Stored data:
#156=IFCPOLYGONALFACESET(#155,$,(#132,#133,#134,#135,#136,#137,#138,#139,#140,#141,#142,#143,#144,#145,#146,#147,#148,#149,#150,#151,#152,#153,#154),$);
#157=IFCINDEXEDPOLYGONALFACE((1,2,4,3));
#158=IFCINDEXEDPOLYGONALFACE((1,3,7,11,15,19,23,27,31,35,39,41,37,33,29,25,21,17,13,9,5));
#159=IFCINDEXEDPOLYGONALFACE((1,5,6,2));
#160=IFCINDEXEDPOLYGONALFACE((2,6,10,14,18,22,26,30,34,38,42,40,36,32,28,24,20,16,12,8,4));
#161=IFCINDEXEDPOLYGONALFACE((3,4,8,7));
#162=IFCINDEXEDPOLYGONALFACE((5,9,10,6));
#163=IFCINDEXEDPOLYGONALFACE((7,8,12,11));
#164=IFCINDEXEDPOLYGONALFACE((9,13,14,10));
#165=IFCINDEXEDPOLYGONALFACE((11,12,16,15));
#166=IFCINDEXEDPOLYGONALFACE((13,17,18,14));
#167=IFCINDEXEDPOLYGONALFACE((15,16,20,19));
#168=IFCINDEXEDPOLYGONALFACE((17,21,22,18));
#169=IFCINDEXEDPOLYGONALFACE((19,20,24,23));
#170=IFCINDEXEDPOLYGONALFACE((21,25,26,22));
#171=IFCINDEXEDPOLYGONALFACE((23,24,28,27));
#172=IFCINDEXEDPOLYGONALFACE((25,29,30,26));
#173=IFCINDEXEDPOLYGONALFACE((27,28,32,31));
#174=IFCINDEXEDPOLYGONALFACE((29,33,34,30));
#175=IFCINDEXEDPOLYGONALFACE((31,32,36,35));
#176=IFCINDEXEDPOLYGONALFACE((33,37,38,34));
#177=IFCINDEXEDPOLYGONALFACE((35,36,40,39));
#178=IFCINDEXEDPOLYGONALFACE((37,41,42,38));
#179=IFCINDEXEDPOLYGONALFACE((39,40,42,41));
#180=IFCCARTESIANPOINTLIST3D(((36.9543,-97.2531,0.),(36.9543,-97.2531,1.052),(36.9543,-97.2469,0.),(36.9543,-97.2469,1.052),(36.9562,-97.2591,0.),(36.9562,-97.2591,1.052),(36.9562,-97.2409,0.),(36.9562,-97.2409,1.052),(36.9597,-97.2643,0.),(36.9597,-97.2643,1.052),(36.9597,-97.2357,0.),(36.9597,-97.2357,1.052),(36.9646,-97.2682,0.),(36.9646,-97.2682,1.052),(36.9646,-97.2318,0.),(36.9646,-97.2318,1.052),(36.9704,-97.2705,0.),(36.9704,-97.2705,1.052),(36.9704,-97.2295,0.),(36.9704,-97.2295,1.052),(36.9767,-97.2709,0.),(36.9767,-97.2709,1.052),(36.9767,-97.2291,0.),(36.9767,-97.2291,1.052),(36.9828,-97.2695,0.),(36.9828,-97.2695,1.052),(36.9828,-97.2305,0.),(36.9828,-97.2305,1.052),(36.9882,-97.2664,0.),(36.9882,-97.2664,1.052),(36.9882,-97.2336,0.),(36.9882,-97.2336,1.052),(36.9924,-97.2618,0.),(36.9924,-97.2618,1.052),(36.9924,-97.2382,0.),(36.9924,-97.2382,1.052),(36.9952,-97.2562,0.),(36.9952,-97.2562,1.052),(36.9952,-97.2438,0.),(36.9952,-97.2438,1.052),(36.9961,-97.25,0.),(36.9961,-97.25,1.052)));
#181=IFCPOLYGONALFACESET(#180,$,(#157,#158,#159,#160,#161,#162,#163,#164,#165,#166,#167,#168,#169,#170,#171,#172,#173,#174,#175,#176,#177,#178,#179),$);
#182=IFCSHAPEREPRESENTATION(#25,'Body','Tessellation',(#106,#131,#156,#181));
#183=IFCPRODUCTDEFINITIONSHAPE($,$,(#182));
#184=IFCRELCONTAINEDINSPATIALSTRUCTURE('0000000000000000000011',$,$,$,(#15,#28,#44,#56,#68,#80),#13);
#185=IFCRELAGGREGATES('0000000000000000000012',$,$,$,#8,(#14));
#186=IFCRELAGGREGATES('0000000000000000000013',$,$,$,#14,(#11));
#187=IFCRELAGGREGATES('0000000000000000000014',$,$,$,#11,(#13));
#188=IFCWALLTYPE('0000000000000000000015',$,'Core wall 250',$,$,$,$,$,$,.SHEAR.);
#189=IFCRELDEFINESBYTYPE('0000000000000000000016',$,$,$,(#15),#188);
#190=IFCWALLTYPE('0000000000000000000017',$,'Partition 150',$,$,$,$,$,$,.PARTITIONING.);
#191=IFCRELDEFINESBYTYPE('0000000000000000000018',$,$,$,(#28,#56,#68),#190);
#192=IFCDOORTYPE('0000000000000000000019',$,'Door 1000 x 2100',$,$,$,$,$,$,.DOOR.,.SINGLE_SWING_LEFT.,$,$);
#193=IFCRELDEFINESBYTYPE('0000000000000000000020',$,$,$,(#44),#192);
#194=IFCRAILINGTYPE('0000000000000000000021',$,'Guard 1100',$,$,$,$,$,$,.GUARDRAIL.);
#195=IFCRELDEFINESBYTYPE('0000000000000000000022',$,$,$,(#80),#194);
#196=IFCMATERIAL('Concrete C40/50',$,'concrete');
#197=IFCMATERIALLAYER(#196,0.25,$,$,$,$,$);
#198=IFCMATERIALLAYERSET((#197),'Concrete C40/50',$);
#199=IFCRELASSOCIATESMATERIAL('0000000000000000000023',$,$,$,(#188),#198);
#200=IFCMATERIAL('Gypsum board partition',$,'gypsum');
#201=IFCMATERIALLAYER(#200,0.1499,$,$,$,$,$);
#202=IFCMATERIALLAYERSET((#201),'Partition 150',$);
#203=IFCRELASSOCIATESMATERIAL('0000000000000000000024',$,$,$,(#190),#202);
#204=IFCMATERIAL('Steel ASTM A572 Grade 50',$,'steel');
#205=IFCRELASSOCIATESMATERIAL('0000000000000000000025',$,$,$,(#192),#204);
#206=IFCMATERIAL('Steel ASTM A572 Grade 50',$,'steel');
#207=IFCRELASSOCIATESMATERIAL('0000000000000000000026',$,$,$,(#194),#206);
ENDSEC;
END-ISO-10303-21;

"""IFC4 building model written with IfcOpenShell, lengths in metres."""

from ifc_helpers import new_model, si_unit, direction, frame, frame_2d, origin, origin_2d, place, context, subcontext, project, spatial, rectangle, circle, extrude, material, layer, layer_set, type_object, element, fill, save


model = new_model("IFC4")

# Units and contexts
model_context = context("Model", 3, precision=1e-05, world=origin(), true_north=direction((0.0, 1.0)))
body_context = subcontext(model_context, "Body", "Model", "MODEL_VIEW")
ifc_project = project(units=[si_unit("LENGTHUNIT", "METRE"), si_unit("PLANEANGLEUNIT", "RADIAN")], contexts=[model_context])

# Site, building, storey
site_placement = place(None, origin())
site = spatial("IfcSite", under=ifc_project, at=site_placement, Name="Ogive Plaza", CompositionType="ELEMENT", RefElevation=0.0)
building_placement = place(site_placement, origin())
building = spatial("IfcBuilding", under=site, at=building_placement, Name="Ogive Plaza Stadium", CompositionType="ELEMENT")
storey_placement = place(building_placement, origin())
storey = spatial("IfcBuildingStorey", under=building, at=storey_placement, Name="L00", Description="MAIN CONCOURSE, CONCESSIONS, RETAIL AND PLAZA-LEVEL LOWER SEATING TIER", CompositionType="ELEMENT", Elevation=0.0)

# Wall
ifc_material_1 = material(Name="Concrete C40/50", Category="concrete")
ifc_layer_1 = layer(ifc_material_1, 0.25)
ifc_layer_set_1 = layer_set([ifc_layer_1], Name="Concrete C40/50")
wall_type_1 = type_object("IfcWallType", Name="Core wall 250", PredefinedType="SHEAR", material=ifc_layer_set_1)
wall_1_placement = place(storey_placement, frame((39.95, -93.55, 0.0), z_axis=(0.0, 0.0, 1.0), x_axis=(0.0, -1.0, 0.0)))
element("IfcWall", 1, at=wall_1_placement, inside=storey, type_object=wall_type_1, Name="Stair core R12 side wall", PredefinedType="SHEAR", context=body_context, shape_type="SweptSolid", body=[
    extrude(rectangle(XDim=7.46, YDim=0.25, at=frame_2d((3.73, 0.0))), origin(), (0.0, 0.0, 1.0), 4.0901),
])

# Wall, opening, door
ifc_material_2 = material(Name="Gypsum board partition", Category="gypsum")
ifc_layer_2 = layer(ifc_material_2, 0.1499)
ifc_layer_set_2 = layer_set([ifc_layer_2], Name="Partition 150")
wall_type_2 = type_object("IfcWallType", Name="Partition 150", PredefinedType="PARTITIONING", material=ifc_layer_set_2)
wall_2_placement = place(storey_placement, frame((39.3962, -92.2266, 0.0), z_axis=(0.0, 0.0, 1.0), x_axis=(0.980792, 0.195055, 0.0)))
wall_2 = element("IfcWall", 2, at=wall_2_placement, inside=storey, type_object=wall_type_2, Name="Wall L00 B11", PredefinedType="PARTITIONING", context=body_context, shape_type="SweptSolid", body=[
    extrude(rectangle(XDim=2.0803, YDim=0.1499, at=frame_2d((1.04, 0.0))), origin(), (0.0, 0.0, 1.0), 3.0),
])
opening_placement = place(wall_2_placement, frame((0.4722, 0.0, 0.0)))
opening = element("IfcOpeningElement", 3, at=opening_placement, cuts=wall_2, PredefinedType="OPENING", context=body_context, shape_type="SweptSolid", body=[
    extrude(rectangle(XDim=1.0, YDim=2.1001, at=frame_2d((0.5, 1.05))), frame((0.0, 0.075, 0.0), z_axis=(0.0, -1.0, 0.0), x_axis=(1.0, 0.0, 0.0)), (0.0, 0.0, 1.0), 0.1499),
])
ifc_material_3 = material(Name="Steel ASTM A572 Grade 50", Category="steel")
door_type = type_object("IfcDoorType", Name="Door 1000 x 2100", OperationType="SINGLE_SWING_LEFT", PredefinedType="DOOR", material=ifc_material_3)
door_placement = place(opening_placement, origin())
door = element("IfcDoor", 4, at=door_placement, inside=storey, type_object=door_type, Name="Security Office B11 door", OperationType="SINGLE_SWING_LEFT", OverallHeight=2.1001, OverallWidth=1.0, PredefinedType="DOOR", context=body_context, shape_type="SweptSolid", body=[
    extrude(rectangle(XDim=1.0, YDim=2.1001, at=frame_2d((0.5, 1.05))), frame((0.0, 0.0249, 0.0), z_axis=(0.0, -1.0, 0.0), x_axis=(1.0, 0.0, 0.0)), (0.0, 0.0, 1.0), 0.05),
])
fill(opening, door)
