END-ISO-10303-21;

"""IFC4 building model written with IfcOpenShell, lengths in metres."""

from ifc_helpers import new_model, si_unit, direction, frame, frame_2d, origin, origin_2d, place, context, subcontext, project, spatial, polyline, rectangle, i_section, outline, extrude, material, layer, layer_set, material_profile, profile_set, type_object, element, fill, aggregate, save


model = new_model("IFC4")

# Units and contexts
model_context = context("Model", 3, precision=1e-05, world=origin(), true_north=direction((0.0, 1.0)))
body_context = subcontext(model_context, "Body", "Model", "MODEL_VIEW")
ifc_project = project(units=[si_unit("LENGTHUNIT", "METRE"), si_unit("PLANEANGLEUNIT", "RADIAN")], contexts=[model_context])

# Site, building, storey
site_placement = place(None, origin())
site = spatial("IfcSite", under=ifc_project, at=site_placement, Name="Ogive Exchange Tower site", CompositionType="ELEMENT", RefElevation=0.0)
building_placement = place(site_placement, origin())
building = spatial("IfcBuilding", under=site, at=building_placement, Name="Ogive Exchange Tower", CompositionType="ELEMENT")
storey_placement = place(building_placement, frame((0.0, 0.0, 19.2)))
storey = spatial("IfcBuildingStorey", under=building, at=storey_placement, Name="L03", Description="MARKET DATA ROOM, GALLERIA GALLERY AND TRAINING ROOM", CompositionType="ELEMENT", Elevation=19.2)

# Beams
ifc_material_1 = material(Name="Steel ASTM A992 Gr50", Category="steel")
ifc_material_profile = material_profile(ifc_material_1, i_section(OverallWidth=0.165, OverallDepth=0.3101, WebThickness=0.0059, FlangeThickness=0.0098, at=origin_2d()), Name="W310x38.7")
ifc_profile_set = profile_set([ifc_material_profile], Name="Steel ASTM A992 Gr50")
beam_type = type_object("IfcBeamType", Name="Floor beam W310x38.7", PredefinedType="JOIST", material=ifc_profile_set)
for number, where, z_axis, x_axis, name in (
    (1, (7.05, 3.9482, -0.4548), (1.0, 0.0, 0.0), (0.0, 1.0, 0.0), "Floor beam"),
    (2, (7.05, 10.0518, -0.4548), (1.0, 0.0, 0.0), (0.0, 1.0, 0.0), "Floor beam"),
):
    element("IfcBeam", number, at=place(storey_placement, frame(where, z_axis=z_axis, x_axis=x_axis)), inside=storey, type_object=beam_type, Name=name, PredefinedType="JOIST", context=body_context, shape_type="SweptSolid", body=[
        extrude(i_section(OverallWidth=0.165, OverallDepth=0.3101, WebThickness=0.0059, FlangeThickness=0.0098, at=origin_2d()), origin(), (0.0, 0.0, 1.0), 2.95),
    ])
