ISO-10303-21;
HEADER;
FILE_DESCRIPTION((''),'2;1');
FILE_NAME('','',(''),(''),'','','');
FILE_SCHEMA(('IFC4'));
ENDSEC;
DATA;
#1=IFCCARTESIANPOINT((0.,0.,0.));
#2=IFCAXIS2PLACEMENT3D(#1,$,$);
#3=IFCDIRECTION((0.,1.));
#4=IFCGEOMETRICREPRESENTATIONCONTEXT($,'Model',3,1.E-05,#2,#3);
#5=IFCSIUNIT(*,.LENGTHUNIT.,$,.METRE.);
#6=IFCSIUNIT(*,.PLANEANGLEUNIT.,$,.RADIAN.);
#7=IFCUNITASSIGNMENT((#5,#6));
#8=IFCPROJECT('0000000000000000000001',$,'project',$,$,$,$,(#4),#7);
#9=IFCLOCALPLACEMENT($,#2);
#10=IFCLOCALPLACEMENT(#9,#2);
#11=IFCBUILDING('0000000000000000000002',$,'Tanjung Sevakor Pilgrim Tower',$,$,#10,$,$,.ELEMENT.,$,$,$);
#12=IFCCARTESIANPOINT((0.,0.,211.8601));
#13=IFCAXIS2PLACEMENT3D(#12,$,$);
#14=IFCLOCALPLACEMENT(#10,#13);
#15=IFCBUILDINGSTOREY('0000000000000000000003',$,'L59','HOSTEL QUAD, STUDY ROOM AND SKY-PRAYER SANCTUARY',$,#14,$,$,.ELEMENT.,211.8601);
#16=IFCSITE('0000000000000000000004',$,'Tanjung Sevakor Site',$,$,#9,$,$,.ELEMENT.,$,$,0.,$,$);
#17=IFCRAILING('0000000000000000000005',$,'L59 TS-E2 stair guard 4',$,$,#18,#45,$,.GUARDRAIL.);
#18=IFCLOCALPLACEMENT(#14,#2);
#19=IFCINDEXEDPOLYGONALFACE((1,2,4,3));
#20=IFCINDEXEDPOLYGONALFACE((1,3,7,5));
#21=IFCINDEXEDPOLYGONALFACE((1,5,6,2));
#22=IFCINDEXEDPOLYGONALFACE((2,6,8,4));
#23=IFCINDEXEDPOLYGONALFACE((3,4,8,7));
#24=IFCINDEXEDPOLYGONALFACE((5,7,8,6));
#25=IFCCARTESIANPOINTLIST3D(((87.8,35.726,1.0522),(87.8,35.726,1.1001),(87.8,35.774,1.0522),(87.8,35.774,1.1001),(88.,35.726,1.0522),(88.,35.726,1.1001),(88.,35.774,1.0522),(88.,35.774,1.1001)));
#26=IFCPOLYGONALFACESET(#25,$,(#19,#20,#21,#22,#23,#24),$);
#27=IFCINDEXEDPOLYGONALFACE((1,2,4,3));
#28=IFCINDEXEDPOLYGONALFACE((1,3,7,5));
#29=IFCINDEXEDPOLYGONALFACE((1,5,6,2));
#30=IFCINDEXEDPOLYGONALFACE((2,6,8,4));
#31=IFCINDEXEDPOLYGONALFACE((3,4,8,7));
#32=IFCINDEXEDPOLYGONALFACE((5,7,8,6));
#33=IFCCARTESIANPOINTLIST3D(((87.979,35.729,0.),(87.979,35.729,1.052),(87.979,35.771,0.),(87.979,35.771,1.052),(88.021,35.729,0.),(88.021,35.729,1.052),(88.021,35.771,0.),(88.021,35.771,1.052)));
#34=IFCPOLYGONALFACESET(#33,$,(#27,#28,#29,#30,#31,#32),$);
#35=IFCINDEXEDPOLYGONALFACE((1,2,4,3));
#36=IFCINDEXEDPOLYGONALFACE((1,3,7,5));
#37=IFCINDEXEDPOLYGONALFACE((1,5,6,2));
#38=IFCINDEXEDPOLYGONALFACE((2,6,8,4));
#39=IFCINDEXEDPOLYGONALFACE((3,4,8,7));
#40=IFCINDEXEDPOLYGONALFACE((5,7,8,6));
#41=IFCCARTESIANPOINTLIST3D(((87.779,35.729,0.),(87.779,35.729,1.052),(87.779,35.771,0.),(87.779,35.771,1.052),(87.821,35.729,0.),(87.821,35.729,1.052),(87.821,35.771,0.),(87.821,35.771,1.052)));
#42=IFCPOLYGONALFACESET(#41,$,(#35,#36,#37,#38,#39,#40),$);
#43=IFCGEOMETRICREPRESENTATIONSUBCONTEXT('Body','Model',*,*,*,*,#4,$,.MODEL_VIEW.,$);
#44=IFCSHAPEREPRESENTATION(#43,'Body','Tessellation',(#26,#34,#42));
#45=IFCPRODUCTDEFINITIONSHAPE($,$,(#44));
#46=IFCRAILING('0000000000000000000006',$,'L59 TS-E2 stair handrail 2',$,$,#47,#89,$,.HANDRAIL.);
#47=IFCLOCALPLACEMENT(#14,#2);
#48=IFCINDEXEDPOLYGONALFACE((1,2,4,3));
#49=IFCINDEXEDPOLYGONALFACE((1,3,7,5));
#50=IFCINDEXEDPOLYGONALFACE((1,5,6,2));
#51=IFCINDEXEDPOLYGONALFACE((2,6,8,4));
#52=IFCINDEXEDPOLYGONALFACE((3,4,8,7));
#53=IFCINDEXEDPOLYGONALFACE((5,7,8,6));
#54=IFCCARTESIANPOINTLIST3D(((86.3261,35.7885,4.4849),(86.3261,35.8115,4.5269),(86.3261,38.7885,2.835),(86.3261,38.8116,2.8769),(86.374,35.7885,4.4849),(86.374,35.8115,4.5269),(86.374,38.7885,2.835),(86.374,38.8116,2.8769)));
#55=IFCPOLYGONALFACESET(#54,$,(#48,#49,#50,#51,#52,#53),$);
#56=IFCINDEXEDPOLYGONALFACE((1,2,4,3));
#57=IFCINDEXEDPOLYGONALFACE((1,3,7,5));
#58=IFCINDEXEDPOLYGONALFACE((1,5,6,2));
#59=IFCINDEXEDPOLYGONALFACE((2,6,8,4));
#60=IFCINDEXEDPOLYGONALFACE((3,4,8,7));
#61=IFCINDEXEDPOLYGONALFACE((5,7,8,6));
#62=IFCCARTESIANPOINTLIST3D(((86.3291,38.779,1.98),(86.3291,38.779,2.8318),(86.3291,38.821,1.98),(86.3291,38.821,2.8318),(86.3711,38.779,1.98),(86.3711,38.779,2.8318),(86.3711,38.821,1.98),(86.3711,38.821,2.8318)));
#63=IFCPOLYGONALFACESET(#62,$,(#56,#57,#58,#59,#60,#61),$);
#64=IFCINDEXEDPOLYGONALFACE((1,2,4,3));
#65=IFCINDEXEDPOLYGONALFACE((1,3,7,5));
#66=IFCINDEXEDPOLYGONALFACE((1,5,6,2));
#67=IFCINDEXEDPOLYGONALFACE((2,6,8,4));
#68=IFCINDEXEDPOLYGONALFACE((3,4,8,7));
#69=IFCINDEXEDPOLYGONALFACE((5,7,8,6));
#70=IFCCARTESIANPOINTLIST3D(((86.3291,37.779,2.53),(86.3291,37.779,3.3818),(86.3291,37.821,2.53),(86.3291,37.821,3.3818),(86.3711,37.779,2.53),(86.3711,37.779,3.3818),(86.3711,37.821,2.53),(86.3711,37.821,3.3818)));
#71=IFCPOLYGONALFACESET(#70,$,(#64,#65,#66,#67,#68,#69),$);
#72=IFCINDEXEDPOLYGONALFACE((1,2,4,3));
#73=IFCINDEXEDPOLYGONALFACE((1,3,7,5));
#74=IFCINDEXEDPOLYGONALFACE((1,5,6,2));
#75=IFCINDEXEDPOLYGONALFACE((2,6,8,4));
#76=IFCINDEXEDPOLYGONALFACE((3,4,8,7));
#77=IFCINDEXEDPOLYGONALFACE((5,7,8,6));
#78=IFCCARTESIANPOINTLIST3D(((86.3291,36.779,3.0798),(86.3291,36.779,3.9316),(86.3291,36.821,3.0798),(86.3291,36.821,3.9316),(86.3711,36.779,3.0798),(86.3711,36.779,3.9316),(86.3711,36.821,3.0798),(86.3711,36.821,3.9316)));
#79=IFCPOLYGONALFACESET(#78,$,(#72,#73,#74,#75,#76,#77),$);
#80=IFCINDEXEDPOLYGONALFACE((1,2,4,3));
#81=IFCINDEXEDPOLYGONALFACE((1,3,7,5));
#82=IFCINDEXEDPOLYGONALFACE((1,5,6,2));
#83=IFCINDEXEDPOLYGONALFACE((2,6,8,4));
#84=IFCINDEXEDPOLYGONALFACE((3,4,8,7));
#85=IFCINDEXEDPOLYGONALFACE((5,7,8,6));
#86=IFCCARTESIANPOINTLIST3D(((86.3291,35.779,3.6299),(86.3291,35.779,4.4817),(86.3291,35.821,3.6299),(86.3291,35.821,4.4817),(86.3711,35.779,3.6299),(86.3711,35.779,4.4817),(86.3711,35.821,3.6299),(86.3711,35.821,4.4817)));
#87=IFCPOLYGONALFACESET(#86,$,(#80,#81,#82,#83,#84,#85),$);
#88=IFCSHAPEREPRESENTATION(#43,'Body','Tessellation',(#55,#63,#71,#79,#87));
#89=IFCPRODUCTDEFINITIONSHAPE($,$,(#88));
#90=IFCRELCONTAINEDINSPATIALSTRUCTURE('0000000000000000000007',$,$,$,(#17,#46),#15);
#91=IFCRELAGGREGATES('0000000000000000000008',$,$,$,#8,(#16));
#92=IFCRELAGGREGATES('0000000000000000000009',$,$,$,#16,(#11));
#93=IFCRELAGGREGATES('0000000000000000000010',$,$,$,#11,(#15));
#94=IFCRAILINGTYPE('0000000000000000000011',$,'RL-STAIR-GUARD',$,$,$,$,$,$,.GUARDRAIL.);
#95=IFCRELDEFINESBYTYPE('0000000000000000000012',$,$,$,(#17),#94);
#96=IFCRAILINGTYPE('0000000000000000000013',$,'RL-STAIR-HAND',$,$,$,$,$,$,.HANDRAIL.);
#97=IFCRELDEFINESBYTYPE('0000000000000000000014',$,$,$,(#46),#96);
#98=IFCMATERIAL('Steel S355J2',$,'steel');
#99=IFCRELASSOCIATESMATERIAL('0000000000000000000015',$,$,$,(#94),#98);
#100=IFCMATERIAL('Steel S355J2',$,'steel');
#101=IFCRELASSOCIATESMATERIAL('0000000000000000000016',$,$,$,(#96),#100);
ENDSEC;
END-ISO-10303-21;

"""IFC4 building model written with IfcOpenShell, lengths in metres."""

from ifc_helpers import new_model, si_unit, direction, frame, origin, place, context, subcontext, project, spatial, rectangle, extrude, material, type_object, element, save


model = new_model("IFC4")

# Units and contexts
model_context = context("Model", 3, precision=1e-05, world=origin(), true_north=direction((0.0, 1.0)))
body_context = subcontext(model_context, "Body", "Model", "MODEL_VIEW")
ifc_project = project(units=[si_unit("LENGTHUNIT", "METRE"), si_unit("PLANEANGLEUNIT", "RADIAN")], contexts=[model_context])

# Site, building, storey
site_placement = place(None, origin())
site = spatial("IfcSite", under=ifc_project, at=site_placement, Name="Tanjung Sevakor Site", CompositionType="ELEMENT", RefElevation=0.0)
building_placement = place(site_placement, origin())
building = spatial("IfcBuilding", under=site, at=building_placement, Name="Tanjung Sevakor Pilgrim Tower", CompositionType="ELEMENT")
storey_placement = place(building_placement, frame((0.0, 0.0, 211.8601)))
storey = spatial("IfcBuildingStorey", under=building, at=storey_placement, Name="L59", Description="HOSTEL QUAD, STUDY ROOM AND SKY-PRAYER SANCTUARY", CompositionType="ELEMENT", Elevation=211.8601)

# Railings
ifc_material_1 = material(Name="Steel S355J2", Category="steel")
railing_type_1 = type_object("IfcRailingType", Name="RL-STAIR-GUARD", PredefinedType="GUARDRAIL", material=ifc_material_1)
railing_1_placement = place(storey_placement, frame((88.0, 35.75, 0.0)))
element("IfcRailing", 1, at=railing_1_placement, inside=storey, type_object=railing_type_1, Name="L59 TS-E2 stair guard 4", PredefinedType="GUARDRAIL", context=body_context, shape_type="SweptSolid", body=[
    extrude(rectangle(XDim=0.0479, YDim=0.0479), frame((0.0, 0.0, 1.0762), z_axis=(-1.0, 0.0, 0.0), x_axis=(0.0, -1.0, 0.0)), (0.0, 0.0, 1.0), 0.2),
    extrude(rectangle(XDim=0.042, YDim=0.042), origin(), (0.0, 0.0, 1.0), 1.052),
    extrude(rectangle(XDim=0.042, YDim=0.042), frame((-0.2, 0.0, 0.0)), (0.0, 0.0, 1.0), 1.052),
])
ifc_material_2 = material(Name="Steel S355J2", Category="steel")
railing_type_2 = type_object("IfcRailingType", Name="RL-STAIR-HAND", PredefinedType="HANDRAIL", material=ifc_material_2)
railing_2_placement = place(storey_placement, frame((86.3501, 38.8, 1.98)))
element("IfcRailing", 2, at=railing_2_placement, inside=storey, type_object=railing_type_2, Name="L59 TS-E2 stair handrail 2", PredefinedType="HANDRAIL", context=body_context, shape_type="SweptSolid", body=[
    extrude(rectangle(XDim=0.0479, YDim=0.0479), frame((0.0, 0.0, 0.876), z_axis=(0.0, -0.876228, 0.481897), x_axis=(1.0, 0.0, 0.0)), (0.0, 0.0, 1.0), 3.4238),
    extrude(rectangle(XDim=0.042, YDim=0.042), origin(), (0.0, 0.0, 1.0), 0.8518),
    extrude(rectangle(XDim=0.042, YDim=0.042), frame((0.0, -1.0, 0.55)), (0.0, 0.0, 1.0), 0.8518),
    extrude(rectangle(XDim=0.042, YDim=0.042), frame((0.0, -2.0, 1.0999)), (0.0, 0.0, 1.0), 0.8518),
    extrude(rectangle(XDim=0.042, YDim=0.042), frame((0.0, -3.0, 1.6499)), (0.0, 0.0, 1.0), 0.8518),
])

save(model, "model.ifc")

* _WHAT YOU WILL DO_
Above are some records; copy exactly the lines from the one with "#23=IFCINDEXEDPOLYGONALFACE((3,4,8,7));" through the one with "#49=IFCINDEXEDPOLYGONALFACE((1,3,7,5));", both included, and no others.

* _TASK RESPONSE_
#23=IFCINDEXEDPOLYGONALFACE((3,4,8,7));
#24=IFCINDEXEDPOLYGONALFACE((5,7,8,6));
#25=IFCCARTESIANPOINTLIST3D(((87.8,35.726,1.0522),(87.8,35.726,1.1001),(87.8,35.774,1.0522),(87.8,35.774,1.1001),(88.,35.726,1.0522),(88.,35.726,1.1001),(88.,35.774,1.0522),(88.,35.774,1.1001)));
#26=IFCPOLYGONALFACESET(#25,$,(#19,#20,#21,#22,#23,#24),$);
#27=IFCINDEXEDPOLYGONALFACE((1,2,4,3));
#28=IFCINDEXEDPOLYGONALFACE((1,3,7,5));
#29=IFCINDEXEDPOLYGONALFACE((1,5,6,2));
#30=IFCINDEXEDPOLYGONALFACE((2,6,8,4));
#31=IFCINDEXEDPOLYGONALFACE((3,4,8,7));
#32=IFCINDEXEDPOLYGONALFACE((5,7,8,6));
#33=IFCCARTESIANPOINTLIST3D(((87.979,35.729,0.),(87.979,35.729,1.052),(87.979,35.771,0.),(87.979,35.771,1.052),(88.021,35.729,0.),(88.021,35.729,1.052),(88.021,35.771,0.),(88.021,35.771,1.052)));
#34=IFCPOLYGONALFACESET(#33,$,(#27,#28,#29,#30,#31,#32),$);
#35=IFCINDEXEDPOLYGONALFACE((1,2,4,3));
#36=IFCINDEXEDPOLYGONALFACE((1,3,7,5));
#37=IFCINDEXEDPOLYGONALFACE((1,5,6,2));
#38=IFCINDEXEDPOLYGONALFACE((2,6,8,4));
#39=IFCINDEXEDPOLYGONALFACE((3,4,8,7));
#40=IFCINDEXEDPOLYGONALFACE((5,7,8,6));
#41=IFCCARTESIANPOINTLIST3D(((87.779,35.729,0.),(87.779,35.729,1.052),(87.779,35.771,0.),(87.779,35.771,1.052),(87.821,35.729,0.),(87.821,35.729,1.052),(87.821,35.771,0.),(87.821,35.771,1.052)));
#42=IFCPOLYGONALFACESET(#41,$,(#35,#36,#37,#38,#39,#40),$);
#43=IFCGEOMETRICREPRESENTATIONSUBCONTEXT('Body','Model',*,*,*,*,#4,$,.MODEL_VIEW.,$);
#44=IFCSHAPEREPRESENTATION(#43,'Body','Tessellation',(#26,#34,#42));
#45=IFCPRODUCTDEFINITIONSHAPE($,$,(#44));
#46=IFCRAILING('0000000000000000000006',$,'L59 TS-E2 stair handrail 2',$,$,#47,#89,$,.HANDRAIL.);
#47=IFCLOCALPLACEMENT(#14,#2);
#48=IFCINDEXEDPOLYGONALFACE((1,2,4,3));
#49=IFCINDEXEDPOLYGONALFACE((1,3,7,5));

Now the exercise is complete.